Stored items
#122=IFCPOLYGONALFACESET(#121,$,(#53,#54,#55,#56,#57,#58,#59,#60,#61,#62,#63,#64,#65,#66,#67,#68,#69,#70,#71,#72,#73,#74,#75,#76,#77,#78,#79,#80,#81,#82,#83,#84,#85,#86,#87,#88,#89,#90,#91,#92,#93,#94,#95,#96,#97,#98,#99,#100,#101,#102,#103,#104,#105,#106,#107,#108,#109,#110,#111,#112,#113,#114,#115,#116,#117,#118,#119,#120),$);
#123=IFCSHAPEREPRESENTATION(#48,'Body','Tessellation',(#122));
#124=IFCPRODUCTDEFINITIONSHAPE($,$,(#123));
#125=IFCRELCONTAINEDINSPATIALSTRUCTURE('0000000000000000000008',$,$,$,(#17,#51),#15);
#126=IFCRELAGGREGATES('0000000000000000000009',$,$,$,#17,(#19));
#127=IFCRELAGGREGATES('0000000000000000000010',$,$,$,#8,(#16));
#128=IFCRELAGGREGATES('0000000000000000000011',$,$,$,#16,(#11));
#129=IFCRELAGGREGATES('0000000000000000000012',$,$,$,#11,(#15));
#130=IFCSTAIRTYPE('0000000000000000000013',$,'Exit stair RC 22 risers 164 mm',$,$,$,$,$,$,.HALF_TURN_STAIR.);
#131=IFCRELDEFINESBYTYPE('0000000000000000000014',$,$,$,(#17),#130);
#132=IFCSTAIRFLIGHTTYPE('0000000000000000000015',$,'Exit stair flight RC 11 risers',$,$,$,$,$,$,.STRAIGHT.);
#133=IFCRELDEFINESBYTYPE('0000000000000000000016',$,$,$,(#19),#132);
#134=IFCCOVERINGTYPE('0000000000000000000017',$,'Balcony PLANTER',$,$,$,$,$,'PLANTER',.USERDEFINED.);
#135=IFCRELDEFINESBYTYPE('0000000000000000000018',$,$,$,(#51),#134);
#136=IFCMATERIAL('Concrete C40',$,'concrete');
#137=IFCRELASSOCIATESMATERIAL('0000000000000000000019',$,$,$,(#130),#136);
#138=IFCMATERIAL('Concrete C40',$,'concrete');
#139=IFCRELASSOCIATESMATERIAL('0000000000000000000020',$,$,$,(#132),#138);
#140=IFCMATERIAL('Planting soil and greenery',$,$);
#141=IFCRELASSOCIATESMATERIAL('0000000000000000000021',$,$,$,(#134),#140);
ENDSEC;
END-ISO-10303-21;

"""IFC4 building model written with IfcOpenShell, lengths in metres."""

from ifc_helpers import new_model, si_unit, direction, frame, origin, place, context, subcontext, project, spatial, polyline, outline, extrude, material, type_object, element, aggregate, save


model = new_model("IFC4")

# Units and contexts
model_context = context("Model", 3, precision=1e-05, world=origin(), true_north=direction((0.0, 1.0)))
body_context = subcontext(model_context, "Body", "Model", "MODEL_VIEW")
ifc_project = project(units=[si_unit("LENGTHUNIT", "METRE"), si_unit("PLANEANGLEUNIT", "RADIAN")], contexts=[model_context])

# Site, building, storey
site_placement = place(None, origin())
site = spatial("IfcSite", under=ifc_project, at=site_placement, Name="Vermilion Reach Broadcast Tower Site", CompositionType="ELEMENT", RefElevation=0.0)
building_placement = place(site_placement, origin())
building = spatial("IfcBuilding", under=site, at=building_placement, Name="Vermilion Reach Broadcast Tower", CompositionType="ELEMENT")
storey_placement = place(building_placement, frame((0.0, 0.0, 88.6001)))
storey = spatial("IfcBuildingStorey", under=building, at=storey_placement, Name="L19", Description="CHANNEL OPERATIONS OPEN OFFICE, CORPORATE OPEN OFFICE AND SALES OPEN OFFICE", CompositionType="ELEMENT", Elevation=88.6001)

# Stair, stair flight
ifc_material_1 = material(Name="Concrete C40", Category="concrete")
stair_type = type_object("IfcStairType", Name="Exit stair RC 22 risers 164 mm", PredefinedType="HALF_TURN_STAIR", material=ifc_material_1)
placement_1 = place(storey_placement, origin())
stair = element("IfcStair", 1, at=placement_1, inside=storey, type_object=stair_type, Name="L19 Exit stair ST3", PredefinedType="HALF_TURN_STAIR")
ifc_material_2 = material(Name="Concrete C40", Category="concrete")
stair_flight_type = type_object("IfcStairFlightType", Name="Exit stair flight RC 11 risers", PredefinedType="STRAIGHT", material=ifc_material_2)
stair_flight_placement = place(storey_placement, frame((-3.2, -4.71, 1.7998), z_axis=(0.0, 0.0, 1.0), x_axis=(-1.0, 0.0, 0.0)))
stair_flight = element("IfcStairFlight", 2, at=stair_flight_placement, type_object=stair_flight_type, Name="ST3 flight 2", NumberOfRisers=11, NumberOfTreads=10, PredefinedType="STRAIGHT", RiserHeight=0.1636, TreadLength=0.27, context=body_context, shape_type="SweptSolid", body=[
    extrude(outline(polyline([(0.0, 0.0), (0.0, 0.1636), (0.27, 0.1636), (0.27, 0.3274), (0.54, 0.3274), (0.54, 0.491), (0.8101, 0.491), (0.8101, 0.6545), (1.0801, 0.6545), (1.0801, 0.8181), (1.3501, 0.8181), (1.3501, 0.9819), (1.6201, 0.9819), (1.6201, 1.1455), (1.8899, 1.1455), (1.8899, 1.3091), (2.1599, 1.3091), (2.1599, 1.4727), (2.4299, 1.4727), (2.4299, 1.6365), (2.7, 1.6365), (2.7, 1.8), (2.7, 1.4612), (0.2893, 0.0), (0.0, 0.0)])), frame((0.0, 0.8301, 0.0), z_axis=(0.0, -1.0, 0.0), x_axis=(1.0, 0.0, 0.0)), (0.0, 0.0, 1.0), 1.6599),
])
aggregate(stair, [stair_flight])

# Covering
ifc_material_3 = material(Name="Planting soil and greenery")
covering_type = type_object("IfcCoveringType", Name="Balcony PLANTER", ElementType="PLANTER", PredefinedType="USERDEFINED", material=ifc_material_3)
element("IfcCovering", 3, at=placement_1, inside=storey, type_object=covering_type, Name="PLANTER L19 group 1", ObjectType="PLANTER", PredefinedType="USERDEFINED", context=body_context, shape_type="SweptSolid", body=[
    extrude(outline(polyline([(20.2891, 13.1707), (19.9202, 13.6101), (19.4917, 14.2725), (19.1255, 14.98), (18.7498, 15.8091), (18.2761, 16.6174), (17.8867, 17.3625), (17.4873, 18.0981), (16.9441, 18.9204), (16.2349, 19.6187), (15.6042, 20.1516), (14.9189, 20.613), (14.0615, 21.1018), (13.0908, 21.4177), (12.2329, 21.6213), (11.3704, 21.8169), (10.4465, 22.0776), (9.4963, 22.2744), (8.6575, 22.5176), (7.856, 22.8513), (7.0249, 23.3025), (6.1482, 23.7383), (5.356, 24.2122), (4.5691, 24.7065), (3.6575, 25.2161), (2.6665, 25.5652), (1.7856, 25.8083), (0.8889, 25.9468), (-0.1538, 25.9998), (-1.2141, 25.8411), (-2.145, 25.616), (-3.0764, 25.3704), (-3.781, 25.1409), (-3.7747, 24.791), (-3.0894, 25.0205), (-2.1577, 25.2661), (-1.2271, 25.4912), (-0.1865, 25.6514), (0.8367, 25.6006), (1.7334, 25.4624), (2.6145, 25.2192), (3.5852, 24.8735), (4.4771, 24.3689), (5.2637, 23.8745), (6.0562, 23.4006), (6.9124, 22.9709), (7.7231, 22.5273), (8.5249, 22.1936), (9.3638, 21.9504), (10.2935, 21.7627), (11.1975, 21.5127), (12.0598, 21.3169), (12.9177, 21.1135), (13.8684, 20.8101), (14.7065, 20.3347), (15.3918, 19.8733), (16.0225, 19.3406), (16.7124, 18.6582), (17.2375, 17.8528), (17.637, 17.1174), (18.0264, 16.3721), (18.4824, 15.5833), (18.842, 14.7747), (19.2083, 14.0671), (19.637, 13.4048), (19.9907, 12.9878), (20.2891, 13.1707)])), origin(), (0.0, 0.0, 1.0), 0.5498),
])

**Problem:**
Retype only this range exactly: the first line of the data through the line where "#129=IFCRELAGGREGATES('0000000000000000000012',$,$,$,#11,(#15));" appears.

**Your solution:**
#122=IFCPOLYGONALFACESET(#121,$,(#53,#54,#55,#56,#57,#58,#59,#60,#61,#62,#63,#64,#65,#66,#67,#68,#69,#70,#71,#72,#73,#74,#75,#76,#77,#78,#79,#80,#81,#82,#83,#84,#85,#86,#87,#88,#89,#90,#91,#92,#93,#94,#95,#96,#97,#98,#99,#100,#101,#102,#103,#104,#105,#106,#107,#108,#109,#110,#111,#112,#113,#114,#115,#116,#117,#118,#119,#120),$);
#123=IFCSHAPEREPRESENTATION(#48,'Body','Tessellation',(#122));
#124=IFCPRODUCTDEFINITIONSHAPE($,$,(#123));
#125=IFCRELCONTAINEDINSPATIALSTRUCTURE('0000000000000000000008',$,$,$,(#17,#51),#15);
#126=IFCRELAGGREGATES('0000000000000000000009',$,$,$,#17,(#19));
#127=IFCRELAGGREGATES('0000000000000000000010',$,$,$,#8,(#16));
#128=IFCRELAGGREGATES('0000000000000000000011',$,$,$,#16,(#11));
#129=IFCRELAGGREGATES('0000000000000000000012',$,$,$,#11,(#15));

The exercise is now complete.